- **EXERCISE BRIEF**
When you reach the line containing "#210=IFCBEAMTYPE('0000000000000000000032',$,'CROSS BEAM RC" in the records below, start copying exactly, and stop once you have copied the line containing "END-ISO-10303-21;".

- **INPUT**

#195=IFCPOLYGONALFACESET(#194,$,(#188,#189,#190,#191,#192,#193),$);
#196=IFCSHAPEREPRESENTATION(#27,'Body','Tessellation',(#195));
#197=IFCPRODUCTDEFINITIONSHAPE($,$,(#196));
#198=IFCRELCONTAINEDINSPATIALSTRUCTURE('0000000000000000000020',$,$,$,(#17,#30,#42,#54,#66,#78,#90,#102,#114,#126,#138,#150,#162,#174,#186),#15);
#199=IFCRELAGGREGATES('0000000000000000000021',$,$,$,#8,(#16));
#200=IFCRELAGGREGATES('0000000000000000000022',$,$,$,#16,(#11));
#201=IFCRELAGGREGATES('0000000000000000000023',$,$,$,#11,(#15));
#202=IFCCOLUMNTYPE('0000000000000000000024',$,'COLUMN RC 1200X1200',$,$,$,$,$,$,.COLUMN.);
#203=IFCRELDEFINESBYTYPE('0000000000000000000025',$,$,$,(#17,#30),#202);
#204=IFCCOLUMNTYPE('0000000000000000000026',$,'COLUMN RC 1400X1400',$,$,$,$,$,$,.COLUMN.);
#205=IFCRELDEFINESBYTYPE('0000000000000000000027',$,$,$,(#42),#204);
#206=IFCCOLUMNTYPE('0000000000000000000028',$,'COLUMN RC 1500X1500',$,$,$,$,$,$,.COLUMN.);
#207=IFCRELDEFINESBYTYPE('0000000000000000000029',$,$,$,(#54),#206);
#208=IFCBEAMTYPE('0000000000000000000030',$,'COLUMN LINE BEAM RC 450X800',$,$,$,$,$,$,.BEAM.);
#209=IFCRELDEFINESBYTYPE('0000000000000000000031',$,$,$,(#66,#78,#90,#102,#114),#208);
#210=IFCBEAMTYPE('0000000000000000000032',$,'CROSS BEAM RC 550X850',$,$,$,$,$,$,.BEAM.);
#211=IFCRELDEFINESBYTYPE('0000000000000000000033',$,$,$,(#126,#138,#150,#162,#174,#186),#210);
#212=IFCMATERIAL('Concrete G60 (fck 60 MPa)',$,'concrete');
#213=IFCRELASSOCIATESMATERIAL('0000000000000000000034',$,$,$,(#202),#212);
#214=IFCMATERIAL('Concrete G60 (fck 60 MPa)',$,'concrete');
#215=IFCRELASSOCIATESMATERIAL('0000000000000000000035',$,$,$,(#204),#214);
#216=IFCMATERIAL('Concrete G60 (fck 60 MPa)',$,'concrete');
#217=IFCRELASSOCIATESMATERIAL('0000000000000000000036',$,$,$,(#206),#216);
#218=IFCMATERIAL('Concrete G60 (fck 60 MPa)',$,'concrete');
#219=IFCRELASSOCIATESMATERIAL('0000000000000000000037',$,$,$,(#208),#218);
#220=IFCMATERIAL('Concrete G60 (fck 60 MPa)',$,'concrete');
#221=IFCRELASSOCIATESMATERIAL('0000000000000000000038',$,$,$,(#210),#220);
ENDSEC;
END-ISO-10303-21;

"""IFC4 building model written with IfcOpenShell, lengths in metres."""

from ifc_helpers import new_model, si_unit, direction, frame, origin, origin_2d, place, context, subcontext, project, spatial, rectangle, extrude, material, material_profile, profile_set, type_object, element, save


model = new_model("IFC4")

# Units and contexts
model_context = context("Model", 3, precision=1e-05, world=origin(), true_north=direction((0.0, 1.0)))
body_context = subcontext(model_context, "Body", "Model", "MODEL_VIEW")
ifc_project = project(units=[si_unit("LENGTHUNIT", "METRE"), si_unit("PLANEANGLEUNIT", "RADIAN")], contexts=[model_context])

- **EXERCISE RESPONSE**
#210=IFCBEAMTYPE('0000000000000000000032',$,'CROSS BEAM RC 550X850',$,$,$,$,$,$,.BEAM.);
#211=IFCRELDEFINESBYTYPE('0000000000000000000033',$,$,$,(#126,#138,#150,#162,#174,#186),#210);
#212=IFCMATERIAL('Concrete G60 (fck 60 MPa)',$,'concrete');
#213=IFCRELASSOCIATESMATERIAL('0000000000000000000034',$,$,$,(#202),#212);
#214=IFCMATERIAL('Concrete G60 (fck 60 MPa)',$,'concrete');
#215=IFCRELASSOCIATESMATERIAL('0000000000000000000035',$,$,$,(#204),#214);
#216=IFCMATERIAL('Concrete G60 (fck 60 MPa)',$,'concrete');
#217=IFCRELASSOCIATESMATERIAL('0000000000000000000036',$,$,$,(#206),#216);
#218=IFCMATERIAL('Concrete G60 (fck 60 MPa)',$,'concrete');
#219=IFCRELASSOCIATESMATERIAL('0000000000000000000037',$,$,$,(#208),#218);
#220=IFCMATERIAL('Concrete G60 (fck 60 MPa)',$,'concrete');
#221=IFCRELASSOCIATESMATERIAL('0000000000000000000038',$,$,$,(#210),#220);
ENDSEC;
END-ISO-10303-21;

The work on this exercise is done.